• **YOUR INSTRUCTIONS**:
Only these lines are needed: the first line of the entries below through the line with "#72=IFCSHAPEREPRESENTATION(#31,'Body','Tessellation',(#71));", each returned exactly.

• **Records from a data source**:

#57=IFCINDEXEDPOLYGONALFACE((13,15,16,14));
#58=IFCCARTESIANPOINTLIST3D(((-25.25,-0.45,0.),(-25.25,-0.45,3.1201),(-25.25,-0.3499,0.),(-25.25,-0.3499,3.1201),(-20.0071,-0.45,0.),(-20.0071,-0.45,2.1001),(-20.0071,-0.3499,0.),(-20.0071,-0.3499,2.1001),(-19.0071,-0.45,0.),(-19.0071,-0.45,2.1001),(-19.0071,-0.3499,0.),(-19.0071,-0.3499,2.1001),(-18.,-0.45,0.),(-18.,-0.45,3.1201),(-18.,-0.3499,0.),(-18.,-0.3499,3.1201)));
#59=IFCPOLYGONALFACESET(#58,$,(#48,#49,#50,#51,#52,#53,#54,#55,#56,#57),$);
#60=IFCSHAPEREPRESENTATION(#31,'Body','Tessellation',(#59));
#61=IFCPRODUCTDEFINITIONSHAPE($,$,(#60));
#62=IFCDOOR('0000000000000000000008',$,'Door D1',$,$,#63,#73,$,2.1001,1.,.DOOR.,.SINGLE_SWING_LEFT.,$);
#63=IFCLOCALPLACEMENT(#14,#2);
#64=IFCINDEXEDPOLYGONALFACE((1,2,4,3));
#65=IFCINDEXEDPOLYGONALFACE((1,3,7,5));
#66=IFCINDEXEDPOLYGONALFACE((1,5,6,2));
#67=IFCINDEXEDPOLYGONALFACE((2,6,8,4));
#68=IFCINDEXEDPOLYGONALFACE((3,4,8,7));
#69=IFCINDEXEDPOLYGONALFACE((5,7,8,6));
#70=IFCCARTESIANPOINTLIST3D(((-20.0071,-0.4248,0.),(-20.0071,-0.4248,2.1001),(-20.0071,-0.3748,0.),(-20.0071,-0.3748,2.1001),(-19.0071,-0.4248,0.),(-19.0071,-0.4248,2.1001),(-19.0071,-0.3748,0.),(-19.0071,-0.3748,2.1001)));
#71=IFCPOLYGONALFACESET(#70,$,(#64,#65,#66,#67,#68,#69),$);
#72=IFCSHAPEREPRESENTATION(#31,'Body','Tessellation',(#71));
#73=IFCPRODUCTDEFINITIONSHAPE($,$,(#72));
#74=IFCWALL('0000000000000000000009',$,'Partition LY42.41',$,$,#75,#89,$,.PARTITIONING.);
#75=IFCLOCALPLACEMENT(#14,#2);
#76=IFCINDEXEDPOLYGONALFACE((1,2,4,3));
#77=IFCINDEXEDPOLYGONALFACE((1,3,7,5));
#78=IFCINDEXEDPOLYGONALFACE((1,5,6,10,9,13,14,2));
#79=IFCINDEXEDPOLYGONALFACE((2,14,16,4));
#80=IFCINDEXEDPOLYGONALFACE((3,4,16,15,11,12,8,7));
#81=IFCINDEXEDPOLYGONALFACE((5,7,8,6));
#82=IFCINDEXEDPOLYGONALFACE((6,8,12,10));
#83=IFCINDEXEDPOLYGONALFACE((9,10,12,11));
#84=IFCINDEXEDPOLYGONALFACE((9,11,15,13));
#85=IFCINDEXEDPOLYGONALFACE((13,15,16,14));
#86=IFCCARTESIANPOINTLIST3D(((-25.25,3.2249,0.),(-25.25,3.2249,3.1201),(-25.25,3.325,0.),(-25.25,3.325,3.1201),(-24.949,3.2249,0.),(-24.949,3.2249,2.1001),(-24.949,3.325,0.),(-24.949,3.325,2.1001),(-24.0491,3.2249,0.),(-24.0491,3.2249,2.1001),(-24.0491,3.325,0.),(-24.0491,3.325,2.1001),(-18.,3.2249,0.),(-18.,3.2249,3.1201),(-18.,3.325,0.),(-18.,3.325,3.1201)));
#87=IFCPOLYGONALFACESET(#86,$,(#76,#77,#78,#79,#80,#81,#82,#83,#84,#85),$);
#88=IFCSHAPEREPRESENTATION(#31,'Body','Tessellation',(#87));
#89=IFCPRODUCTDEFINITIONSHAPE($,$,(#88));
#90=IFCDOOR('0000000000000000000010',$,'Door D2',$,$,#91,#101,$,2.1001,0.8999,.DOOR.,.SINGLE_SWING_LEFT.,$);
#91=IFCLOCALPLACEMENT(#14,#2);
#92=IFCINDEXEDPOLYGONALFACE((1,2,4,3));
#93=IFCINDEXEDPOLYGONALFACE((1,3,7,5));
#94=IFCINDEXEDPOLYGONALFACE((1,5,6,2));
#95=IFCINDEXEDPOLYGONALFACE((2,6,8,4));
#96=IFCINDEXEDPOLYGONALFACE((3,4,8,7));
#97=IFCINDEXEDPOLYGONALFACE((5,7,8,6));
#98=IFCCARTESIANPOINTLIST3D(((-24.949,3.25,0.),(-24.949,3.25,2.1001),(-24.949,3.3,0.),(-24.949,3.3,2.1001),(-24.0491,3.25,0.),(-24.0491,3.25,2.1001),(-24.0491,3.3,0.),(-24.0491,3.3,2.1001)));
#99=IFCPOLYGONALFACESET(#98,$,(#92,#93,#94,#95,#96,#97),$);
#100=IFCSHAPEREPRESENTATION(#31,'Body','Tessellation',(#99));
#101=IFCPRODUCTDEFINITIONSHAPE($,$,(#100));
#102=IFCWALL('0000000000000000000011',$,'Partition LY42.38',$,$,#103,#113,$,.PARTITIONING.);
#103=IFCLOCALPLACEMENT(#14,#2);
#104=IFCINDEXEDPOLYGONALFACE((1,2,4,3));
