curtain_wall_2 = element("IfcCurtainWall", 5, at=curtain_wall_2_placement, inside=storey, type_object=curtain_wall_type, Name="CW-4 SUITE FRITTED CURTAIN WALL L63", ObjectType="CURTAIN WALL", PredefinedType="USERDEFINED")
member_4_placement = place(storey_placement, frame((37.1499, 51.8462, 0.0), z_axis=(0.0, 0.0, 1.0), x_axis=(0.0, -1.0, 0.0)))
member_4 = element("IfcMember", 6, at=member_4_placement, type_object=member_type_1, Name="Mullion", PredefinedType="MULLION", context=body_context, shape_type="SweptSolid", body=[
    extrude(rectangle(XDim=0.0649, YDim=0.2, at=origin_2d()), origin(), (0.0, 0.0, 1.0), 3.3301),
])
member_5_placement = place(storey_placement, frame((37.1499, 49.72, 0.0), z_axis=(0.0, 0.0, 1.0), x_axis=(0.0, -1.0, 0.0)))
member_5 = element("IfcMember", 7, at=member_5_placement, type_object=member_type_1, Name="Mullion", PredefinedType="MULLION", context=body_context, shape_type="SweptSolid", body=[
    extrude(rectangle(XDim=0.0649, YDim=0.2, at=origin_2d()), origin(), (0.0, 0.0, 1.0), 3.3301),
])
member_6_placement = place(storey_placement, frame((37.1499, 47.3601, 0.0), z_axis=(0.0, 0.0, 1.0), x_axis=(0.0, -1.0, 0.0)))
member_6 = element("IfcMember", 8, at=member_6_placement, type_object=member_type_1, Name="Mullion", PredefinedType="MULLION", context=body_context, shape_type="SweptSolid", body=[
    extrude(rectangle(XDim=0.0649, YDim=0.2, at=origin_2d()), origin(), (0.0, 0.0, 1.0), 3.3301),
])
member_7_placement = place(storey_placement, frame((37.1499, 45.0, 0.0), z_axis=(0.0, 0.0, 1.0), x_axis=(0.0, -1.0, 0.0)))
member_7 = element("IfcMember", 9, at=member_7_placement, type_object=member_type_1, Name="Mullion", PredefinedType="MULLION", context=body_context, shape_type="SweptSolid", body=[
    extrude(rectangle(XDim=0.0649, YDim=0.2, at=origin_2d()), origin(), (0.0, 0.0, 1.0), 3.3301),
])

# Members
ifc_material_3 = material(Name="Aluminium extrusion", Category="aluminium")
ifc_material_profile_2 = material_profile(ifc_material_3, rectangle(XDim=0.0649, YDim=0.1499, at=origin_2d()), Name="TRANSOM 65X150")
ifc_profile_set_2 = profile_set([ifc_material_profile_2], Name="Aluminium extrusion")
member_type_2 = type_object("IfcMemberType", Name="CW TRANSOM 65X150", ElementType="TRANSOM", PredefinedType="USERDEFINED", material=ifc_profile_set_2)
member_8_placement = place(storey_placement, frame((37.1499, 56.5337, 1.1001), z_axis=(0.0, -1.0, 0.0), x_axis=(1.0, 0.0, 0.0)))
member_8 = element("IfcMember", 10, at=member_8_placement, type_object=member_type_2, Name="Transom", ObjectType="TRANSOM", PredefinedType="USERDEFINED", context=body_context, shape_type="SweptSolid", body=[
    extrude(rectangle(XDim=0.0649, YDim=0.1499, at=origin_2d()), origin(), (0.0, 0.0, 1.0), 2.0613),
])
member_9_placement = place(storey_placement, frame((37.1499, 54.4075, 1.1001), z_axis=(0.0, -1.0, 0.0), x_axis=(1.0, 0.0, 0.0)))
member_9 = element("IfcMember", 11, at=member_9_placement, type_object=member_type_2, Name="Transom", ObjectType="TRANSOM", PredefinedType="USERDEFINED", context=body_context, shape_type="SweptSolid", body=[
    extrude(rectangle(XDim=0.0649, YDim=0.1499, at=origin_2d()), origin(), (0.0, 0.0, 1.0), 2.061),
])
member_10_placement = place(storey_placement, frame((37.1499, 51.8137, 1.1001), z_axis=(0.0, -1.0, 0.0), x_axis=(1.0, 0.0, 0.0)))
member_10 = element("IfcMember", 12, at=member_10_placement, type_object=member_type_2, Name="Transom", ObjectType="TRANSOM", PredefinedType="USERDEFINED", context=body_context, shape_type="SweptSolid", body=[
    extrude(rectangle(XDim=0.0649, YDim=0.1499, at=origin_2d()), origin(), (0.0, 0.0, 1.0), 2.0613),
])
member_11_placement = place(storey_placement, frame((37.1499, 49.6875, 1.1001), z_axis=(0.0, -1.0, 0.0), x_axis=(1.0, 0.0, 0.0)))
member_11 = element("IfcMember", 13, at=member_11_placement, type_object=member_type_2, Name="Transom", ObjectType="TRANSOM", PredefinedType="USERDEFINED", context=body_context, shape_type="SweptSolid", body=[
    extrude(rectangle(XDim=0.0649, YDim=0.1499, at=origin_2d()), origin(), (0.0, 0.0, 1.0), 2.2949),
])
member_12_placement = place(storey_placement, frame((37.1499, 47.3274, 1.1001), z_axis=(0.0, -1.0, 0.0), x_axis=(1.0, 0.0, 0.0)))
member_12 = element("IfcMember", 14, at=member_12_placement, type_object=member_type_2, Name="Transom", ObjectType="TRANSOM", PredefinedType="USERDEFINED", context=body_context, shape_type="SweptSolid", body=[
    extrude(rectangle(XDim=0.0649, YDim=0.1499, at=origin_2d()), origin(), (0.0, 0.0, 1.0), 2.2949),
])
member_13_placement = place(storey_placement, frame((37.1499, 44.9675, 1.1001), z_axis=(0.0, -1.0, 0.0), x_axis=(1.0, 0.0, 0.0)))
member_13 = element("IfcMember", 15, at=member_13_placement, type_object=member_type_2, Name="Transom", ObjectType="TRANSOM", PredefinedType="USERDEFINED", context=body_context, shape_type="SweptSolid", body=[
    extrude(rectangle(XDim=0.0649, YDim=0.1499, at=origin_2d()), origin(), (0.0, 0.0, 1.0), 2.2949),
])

• **OUTPUT OF THE TASK**:
#57=IFCINDEXEDPOLYGONALFACE((13,15,16,14));
#58=IFCCARTESIANPOINTLIST3D(((-25.25,-0.45,0.),(-25.25,-0.45,3.1201),(-25.25,-0.3499,0.),(-25.25,-0.3499,3.1201),(-20.0071,-0.45,0.),(-20.0071,-0.45,2.1001),(-20.0071,-0.3499,0.),(-20.0071,-0.3499,2.1001),(-19.0071,-0.45,0.),(-19.0071,-0.45,2.1001),(-19.0071,-0.3499,0.),(-19.0071,-0.3499,2.1001),(-18.,-0.45,0.),(-18.,-0.45,3.1201),(-18.,-0.3499,0.),(-18.,-0.3499,3.1201)));
#59=IFCPOLYGONALFACESET(#58,$,(#48,#49,#50,#51,#52,#53,#54,#55,#56,#57),$);
#60=IFCSHAPEREPRESENTATION(#31,'Body','Tessellation',(#59));
#61=IFCPRODUCTDEFINITIONSHAPE($,$,(#60));
#62=IFCDOOR('0000000000000000000008',$,'Door D1',$,$,#63,#73,$,2.1001,1.,.DOOR.,.SINGLE_SWING_LEFT.,$);
#63=IFCLOCALPLACEMENT(#14,#2);
#64=IFCINDEXEDPOLYGONALFACE((1,2,4,3));
#65=IFCINDEXEDPOLYGONALFACE((1,3,7,5));
#66=IFCINDEXEDPOLYGONALFACE((1,5,6,2));
#67=IFCINDEXEDPOLYGONALFACE((2,6,8,4));
#68=IFCINDEXEDPOLYGONALFACE((3,4,8,7));
#69=IFCINDEXEDPOLYGONALFACE((5,7,8,6));
#70=IFCCARTESIANPOINTLIST3D(((-20.0071,-0.4248,0.),(-20.0071,-0.4248,2.1001),(-20.0071,-0.3748,0.),(-20.0071,-0.3748,2.1001),(-19.0071,-0.4248,0.),(-19.0071,-0.4248,2.1001),(-19.0071,-0.3748,0.),(-19.0071,-0.3748,2.1001)));
#71=IFCPOLYGONALFACESET(#70,$,(#64,#65,#66,#67,#68,#69),$);
#72=IFCSHAPEREPRESENTATION(#31,'Body','Tessellation',(#71));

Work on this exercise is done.